> EXERCISE:
What is the number of lines in this data that contain the word "IFCPOLYGONALFACESET"? Give the number alone.
:: DATA IN THIS EXERCISE ::
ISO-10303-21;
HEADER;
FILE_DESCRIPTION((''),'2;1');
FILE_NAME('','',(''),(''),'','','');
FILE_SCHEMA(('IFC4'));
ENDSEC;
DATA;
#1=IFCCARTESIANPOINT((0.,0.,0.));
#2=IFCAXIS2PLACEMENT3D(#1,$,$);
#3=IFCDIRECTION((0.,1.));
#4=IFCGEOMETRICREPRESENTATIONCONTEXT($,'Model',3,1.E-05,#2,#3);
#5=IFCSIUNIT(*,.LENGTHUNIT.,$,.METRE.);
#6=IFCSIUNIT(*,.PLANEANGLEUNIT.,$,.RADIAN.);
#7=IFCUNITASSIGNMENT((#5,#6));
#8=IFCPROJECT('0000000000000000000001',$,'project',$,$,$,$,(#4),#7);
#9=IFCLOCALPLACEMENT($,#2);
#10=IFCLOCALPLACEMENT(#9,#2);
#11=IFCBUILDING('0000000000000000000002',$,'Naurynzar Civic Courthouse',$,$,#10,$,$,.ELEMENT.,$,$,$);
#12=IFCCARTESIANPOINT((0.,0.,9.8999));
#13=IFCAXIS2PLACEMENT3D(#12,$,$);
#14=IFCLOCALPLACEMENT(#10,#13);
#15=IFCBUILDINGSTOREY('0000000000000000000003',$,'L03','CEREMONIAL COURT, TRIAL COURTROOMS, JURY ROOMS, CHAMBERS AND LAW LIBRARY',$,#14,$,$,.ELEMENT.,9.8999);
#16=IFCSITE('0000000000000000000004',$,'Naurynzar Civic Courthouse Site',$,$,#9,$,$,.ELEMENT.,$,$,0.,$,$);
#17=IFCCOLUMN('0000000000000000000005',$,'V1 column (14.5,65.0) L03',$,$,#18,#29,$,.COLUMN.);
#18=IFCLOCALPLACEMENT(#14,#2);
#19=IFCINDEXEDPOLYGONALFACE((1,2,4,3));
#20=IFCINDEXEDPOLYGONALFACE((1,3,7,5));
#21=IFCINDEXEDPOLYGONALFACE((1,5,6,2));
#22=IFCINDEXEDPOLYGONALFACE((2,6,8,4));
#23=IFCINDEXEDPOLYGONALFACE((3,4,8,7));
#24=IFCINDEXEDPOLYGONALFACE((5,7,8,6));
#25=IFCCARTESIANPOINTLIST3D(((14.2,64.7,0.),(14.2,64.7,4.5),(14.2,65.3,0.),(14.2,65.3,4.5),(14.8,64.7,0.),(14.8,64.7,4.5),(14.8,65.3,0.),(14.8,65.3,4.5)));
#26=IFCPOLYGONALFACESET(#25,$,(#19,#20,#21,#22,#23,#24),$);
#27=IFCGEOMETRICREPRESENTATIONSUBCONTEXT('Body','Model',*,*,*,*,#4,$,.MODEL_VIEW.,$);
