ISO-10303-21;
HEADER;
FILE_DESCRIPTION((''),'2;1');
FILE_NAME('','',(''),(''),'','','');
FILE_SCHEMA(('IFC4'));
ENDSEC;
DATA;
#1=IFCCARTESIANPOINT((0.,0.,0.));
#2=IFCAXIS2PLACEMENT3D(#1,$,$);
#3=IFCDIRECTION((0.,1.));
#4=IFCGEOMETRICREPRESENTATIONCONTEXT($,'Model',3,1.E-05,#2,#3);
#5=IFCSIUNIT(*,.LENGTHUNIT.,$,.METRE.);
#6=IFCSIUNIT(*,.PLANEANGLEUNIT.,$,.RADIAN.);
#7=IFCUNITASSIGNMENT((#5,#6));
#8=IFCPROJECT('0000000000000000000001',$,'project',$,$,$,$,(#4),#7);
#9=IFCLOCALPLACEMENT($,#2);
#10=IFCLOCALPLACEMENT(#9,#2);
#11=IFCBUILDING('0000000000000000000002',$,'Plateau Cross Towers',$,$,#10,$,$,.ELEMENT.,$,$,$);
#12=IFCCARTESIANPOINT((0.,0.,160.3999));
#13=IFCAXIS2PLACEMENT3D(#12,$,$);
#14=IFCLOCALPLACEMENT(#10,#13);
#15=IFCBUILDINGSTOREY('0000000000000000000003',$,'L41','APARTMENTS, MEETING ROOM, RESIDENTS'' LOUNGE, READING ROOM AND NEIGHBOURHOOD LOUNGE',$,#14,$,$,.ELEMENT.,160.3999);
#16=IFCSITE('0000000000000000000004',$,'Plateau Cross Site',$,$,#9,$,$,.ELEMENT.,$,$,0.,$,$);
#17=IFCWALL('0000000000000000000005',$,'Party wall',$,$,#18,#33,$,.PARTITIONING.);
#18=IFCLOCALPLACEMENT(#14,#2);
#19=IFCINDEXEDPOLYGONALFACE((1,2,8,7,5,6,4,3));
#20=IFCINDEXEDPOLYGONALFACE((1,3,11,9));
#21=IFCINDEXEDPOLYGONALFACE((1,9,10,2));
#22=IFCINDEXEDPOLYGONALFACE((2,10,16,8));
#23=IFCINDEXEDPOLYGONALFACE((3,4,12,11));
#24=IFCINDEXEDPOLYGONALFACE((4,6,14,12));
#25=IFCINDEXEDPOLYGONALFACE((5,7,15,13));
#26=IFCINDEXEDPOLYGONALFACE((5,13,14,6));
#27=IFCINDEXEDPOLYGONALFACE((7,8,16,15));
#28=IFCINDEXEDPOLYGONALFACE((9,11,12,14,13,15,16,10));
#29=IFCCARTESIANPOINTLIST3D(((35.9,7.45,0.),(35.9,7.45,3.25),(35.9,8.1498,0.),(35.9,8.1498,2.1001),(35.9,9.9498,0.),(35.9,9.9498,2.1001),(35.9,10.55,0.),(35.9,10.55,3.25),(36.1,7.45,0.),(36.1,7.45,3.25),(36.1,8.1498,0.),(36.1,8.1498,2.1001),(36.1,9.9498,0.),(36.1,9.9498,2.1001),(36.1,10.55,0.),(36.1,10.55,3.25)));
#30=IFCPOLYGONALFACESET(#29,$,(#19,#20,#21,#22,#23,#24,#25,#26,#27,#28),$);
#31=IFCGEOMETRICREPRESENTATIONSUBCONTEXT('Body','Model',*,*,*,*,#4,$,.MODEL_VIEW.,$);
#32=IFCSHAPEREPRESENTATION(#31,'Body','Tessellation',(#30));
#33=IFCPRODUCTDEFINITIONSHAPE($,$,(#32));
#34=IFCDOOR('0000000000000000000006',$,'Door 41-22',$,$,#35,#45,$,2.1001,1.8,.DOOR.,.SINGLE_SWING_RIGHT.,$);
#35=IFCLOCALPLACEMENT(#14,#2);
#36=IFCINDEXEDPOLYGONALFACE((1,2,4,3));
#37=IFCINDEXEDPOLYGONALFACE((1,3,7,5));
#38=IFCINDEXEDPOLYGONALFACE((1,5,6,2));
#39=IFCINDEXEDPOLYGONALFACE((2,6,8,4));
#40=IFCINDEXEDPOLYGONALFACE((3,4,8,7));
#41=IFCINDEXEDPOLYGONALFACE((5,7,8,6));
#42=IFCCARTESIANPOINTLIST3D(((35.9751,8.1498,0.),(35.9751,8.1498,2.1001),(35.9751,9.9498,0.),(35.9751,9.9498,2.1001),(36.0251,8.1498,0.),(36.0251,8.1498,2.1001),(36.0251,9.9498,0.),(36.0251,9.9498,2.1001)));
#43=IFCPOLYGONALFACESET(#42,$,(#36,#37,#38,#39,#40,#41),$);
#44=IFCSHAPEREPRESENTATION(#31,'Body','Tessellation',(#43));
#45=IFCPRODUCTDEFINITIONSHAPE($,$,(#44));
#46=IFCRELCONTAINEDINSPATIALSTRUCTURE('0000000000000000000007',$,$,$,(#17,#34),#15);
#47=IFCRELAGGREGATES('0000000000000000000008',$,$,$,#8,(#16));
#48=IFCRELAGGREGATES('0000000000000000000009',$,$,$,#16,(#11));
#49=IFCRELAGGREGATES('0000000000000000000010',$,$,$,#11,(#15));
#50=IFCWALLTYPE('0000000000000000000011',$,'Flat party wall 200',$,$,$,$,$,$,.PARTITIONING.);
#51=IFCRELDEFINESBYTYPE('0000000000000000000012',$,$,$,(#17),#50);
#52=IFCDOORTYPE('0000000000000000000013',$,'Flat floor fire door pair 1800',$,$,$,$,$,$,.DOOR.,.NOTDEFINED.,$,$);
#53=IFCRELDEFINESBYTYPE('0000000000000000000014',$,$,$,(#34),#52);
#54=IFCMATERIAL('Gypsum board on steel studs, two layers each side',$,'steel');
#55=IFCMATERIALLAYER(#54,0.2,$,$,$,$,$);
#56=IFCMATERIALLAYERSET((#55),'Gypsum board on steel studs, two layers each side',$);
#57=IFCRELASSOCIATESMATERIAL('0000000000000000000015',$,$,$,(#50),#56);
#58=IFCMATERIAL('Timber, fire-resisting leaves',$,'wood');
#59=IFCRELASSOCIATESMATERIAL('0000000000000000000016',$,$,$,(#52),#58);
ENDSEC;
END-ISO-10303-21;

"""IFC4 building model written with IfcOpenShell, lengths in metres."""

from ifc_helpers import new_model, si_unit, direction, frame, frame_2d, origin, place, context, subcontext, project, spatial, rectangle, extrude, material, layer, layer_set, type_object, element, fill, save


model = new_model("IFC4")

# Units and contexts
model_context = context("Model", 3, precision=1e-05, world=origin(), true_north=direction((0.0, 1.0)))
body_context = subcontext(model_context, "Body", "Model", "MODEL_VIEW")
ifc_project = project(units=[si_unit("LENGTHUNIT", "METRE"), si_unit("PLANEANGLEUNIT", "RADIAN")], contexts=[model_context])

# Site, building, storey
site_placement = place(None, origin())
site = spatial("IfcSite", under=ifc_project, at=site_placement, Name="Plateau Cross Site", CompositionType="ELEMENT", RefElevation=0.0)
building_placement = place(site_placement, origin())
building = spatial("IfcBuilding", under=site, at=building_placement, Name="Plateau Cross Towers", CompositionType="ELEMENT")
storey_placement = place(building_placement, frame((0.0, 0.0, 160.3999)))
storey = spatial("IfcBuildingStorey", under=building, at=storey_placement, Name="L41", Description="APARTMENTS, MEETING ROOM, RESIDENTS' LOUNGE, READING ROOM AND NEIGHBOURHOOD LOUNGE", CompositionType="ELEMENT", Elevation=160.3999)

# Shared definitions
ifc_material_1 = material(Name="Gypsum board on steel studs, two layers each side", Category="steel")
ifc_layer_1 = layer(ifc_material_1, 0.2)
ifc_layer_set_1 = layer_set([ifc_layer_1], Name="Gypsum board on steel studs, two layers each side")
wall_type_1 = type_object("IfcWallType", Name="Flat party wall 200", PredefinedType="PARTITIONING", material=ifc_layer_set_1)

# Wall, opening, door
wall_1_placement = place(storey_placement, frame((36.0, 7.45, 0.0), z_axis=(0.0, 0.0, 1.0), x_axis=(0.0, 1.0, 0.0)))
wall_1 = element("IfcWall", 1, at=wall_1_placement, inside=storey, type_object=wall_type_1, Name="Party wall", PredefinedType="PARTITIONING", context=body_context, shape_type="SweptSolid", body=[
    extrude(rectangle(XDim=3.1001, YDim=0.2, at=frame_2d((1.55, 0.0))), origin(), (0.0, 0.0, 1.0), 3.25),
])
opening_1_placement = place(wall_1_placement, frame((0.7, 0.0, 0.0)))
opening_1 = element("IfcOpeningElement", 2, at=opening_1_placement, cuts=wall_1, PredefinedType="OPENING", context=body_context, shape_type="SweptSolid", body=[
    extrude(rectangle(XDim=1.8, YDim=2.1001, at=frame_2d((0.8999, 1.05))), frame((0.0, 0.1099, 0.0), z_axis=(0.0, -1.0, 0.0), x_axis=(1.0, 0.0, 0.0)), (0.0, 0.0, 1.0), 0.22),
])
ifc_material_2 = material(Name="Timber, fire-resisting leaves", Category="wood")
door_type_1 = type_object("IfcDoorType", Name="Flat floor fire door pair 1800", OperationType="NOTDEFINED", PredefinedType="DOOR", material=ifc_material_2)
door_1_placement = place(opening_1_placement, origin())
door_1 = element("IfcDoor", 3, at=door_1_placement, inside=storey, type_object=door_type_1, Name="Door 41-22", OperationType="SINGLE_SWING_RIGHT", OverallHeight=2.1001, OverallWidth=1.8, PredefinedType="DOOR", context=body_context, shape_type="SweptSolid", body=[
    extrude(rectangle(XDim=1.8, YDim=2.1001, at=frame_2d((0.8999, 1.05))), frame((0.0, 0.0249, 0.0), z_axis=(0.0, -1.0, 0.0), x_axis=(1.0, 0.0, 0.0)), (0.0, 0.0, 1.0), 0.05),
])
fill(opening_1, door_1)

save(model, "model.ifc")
:::
> ANSWER FOR THIS EXERCISE:
3